> DATA TO PROCESS
--- START ---

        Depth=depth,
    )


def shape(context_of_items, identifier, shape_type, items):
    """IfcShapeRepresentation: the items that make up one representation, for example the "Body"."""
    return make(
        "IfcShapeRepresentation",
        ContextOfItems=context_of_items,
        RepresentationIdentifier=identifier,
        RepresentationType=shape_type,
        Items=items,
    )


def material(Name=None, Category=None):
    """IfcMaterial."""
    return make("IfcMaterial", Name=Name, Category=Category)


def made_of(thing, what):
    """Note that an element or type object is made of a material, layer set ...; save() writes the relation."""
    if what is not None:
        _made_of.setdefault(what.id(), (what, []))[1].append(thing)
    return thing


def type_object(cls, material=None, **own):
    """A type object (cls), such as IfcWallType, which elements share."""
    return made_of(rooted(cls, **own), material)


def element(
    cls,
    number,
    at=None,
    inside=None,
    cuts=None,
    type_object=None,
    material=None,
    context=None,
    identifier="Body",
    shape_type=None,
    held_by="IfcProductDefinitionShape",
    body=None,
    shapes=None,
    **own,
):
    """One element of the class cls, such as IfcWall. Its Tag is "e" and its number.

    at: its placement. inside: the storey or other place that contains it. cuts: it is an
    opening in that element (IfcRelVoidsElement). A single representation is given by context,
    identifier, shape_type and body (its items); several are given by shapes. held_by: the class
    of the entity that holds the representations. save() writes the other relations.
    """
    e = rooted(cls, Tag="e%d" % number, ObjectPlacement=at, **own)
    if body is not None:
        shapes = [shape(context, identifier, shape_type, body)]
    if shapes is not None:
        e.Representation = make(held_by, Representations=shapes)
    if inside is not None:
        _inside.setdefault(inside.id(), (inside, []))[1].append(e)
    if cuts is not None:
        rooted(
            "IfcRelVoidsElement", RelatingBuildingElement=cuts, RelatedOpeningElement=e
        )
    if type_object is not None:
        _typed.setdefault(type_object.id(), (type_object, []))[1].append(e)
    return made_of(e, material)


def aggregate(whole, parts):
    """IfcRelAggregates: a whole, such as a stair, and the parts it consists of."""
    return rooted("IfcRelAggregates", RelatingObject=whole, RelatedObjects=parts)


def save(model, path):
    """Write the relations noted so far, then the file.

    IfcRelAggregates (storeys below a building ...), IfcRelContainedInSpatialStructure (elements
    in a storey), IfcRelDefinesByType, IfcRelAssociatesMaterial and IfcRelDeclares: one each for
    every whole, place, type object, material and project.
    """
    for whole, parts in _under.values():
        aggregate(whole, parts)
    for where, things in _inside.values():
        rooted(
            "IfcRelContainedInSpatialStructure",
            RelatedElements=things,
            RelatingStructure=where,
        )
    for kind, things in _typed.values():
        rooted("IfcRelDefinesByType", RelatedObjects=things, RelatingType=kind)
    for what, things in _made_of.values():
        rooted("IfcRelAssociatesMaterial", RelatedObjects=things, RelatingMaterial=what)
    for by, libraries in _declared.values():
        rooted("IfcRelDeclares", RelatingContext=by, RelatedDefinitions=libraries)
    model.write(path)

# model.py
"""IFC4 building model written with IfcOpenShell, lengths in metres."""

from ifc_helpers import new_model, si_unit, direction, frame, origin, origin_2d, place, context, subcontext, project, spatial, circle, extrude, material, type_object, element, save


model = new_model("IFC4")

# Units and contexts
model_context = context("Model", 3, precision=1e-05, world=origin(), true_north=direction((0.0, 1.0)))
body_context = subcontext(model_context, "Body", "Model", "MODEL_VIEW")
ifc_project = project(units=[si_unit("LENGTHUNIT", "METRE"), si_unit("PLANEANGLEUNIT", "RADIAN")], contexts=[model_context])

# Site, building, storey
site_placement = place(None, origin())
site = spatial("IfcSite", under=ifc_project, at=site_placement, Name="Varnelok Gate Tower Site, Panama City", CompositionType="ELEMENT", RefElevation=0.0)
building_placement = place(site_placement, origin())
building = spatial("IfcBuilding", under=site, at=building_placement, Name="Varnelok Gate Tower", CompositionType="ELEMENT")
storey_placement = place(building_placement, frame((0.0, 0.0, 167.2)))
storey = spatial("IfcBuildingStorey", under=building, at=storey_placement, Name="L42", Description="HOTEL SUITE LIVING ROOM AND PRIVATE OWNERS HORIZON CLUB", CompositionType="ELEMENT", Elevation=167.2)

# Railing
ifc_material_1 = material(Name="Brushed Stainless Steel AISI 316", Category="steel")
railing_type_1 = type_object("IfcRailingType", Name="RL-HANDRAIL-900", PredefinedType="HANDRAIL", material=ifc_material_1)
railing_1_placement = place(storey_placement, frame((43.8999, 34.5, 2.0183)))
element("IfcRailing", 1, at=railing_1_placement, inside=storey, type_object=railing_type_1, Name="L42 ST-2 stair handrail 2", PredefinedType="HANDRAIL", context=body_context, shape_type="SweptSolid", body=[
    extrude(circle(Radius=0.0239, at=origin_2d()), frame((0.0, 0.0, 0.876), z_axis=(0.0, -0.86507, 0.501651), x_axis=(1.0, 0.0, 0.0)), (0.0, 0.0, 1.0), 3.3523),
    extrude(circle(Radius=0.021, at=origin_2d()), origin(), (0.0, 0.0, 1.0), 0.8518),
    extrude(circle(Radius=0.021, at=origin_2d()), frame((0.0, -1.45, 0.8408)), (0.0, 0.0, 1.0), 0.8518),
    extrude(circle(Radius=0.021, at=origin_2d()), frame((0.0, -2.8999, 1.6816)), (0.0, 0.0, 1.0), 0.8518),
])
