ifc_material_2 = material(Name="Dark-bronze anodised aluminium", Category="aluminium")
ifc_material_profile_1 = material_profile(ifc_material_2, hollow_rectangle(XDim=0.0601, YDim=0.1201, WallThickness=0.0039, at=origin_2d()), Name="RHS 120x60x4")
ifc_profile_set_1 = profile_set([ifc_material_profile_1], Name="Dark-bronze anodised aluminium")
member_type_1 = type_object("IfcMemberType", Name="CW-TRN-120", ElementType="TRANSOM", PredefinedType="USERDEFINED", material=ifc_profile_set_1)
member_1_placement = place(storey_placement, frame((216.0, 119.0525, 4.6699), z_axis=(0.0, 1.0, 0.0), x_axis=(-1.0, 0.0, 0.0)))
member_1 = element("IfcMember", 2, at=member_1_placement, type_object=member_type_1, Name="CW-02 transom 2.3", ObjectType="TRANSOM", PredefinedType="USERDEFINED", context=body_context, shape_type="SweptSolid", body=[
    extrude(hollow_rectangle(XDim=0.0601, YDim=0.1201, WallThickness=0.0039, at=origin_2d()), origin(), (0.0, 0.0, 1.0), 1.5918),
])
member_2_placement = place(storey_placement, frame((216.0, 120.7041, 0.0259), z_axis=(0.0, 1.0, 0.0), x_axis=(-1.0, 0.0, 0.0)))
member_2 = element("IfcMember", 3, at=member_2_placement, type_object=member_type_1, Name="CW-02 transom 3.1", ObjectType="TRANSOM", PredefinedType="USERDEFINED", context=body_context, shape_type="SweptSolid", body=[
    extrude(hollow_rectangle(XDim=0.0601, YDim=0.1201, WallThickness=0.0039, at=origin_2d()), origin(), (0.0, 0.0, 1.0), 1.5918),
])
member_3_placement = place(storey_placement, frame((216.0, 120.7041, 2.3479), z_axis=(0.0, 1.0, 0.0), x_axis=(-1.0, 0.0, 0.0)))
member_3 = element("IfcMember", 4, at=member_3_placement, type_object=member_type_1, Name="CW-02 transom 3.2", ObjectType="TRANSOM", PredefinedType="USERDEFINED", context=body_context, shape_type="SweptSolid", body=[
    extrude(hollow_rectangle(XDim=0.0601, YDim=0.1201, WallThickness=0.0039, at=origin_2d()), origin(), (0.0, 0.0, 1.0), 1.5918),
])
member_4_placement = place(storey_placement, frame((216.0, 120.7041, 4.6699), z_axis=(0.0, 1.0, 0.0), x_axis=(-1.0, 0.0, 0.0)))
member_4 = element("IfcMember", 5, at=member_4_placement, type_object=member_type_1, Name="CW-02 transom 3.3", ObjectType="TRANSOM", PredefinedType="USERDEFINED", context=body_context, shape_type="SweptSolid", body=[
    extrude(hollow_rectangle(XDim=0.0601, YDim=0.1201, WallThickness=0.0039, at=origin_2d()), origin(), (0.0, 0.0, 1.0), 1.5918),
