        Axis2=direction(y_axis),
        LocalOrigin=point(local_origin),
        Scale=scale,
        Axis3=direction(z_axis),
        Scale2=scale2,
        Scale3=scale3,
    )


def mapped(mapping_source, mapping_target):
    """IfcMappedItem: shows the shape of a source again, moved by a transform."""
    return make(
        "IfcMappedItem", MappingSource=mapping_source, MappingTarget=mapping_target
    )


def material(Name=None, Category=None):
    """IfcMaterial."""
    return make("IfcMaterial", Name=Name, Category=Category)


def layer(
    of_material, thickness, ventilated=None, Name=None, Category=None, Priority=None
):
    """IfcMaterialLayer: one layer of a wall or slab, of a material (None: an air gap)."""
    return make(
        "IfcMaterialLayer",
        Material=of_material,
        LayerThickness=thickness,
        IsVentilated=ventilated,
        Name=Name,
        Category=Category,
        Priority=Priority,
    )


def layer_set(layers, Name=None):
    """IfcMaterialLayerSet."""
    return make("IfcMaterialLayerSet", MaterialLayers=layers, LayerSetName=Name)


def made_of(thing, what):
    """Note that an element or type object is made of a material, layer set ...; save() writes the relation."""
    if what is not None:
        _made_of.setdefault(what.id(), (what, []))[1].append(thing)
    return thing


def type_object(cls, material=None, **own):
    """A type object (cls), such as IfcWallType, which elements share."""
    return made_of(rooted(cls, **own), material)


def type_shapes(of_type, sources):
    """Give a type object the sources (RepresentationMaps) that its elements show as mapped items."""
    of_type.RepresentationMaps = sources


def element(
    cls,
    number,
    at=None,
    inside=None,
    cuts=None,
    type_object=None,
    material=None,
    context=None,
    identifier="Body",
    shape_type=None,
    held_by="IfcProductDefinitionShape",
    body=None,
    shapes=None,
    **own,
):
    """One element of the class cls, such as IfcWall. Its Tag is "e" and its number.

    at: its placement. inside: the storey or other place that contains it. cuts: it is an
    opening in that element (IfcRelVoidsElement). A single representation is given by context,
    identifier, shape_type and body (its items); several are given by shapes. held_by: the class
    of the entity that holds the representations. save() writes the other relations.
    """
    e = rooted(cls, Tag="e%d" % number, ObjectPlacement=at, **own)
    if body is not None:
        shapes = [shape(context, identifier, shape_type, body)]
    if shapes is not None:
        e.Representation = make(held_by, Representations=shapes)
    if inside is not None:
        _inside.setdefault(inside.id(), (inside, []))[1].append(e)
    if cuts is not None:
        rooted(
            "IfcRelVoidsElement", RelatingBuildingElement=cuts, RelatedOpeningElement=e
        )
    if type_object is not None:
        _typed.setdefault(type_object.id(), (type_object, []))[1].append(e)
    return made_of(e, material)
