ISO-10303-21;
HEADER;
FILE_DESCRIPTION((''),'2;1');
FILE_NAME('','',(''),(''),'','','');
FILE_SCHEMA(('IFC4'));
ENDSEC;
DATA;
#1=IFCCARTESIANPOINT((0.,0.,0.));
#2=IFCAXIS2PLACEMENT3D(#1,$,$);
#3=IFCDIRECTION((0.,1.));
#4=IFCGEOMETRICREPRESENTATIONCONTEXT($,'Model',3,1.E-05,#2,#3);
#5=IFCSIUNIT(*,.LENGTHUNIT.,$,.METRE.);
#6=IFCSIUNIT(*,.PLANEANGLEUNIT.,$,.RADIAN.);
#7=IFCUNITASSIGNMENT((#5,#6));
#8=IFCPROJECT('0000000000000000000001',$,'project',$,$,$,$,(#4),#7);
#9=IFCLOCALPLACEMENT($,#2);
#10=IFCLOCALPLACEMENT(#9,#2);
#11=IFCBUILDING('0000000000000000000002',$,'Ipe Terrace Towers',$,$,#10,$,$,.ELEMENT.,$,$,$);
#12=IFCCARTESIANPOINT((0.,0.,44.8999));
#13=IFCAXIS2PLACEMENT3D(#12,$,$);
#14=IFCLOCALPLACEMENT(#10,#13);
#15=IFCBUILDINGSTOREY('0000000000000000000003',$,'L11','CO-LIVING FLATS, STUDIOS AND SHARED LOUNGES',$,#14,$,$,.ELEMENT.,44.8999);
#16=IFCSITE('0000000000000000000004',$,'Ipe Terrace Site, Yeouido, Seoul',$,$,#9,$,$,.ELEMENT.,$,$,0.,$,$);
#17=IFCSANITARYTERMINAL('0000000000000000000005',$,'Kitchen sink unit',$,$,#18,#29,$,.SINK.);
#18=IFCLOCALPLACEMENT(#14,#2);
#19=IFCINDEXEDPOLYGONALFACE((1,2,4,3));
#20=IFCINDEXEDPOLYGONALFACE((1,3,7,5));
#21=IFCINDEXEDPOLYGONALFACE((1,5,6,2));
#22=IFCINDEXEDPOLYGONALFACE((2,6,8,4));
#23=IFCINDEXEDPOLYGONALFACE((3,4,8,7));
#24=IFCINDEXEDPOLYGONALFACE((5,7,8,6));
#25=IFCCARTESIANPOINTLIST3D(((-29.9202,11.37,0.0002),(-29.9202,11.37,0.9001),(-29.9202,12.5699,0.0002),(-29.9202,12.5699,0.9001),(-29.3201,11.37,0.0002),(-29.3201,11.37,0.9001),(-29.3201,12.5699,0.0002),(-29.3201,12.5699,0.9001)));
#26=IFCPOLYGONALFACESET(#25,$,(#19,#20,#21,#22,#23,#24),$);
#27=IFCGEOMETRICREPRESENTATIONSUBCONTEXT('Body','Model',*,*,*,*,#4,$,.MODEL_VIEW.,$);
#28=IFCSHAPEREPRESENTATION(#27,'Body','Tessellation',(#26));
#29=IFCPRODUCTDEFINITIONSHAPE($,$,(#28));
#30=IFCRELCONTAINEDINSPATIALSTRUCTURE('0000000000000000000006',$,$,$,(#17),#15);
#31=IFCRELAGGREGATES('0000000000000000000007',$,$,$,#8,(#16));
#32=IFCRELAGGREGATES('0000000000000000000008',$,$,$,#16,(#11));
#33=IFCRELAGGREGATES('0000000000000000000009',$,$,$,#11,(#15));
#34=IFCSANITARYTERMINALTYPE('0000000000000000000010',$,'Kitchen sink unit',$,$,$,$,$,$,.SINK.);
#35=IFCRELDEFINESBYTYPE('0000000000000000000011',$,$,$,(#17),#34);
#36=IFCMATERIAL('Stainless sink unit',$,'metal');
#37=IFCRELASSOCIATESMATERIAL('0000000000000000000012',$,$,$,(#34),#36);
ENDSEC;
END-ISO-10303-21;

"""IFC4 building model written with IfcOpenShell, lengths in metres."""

from ifc_helpers import new_model, si_unit, direction, frame, origin, origin_2d, place, context, subcontext, project, spatial, rectangle, extrude, material, type_object, element, save


model = new_model("IFC4")

# Units and contexts
model_context = context("Model", 3, precision=1e-05, world=origin(), true_north=direction((0.0, 1.0)))
body_context = subcontext(model_context, "Body", "Model", "MODEL_VIEW")
ifc_project = project(units=[si_unit("LENGTHUNIT", "METRE"), si_unit("PLANEANGLEUNIT", "RADIAN")], contexts=[model_context])

# Site, building, storey
site_placement = place(None, origin())
site = spatial("IfcSite", under=ifc_project, at=site_placement, Name="Ipe Terrace Site, Yeouido, Seoul", CompositionType="ELEMENT", RefElevation=0.0)
building_placement = place(site_placement, origin())
building = spatial("IfcBuilding", under=site, at=building_placement, Name="Ipe Terrace Towers", CompositionType="ELEMENT")
storey_placement = place(building_placement, frame((0.0, 0.0, 44.8999)))
storey = spatial("IfcBuildingStorey", under=building, at=storey_placement, Name="L11", Description="CO-LIVING FLATS, STUDIOS AND SHARED LOUNGES", CompositionType="ELEMENT", Elevation=44.8999)

# Sanitary terminal
ifc_material_1 = material(Name="Stainless sink unit", Category="metal")
sanitary_terminal_type = type_object("IfcSanitaryTerminalType", Name="Kitchen sink unit", PredefinedType="SINK", material=ifc_material_1)
sanitary_terminal_placement = place(storey_placement, frame((-29.6201, 11.97, 0.0002), z_axis=(0.0, 0.0, 1.0), x_axis=(0.0, -1.0, 0.0)))
element("IfcSanitaryTerminal", 1, at=sanitary_terminal_placement, inside=storey, type_object=sanitary_terminal_type, Name="Kitchen sink unit", PredefinedType="SINK", context=body_context, shape_type="SweptSolid", body=[
    extrude(rectangle(XDim=1.2, YDim=0.6001, at=origin_2d()), origin(), (0.0, 0.0, 1.0), 0.8999),
])

save(model, "model.ifc")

--- END ---

> WHAT IS BEING ASKED
Scan the entries above for the line containing "#29=IFCPRODUCTDEFINITIONSHAPE($,$,(#28));", and copy it and all lines after it exactly, down to and including the line containing "END-ISO-10303-21;".

> ANSWER FOR THIS EXERCISE
#29=IFCPRODUCTDEFINITIONSHAPE($,$,(#28));
#30=IFCRELCONTAINEDINSPATIALSTRUCTURE('0000000000000000000006',$,$,$,(#17),#15);
#31=IFCRELAGGREGATES('0000000000000000000007',$,$,$,#8,(#16));
#32=IFCRELAGGREGATES('0000000000000000000008',$,$,$,#16,(#11));
#33=IFCRELAGGREGATES('0000000000000000000009',$,$,$,#11,(#15));
#34=IFCSANITARYTERMINALTYPE('0000000000000000000010',$,'Kitchen sink unit',$,$,$,$,$,$,.SINK.);
#35=IFCRELDEFINESBYTYPE('0000000000000000000011',$,$,$,(#17),#34);
#36=IFCMATERIAL('Stainless sink unit',$,'metal');
#37=IFCRELASSOCIATESMATERIAL('0000000000000000000012',$,$,$,(#34),#36);
ENDSEC;
END-ISO-10303-21;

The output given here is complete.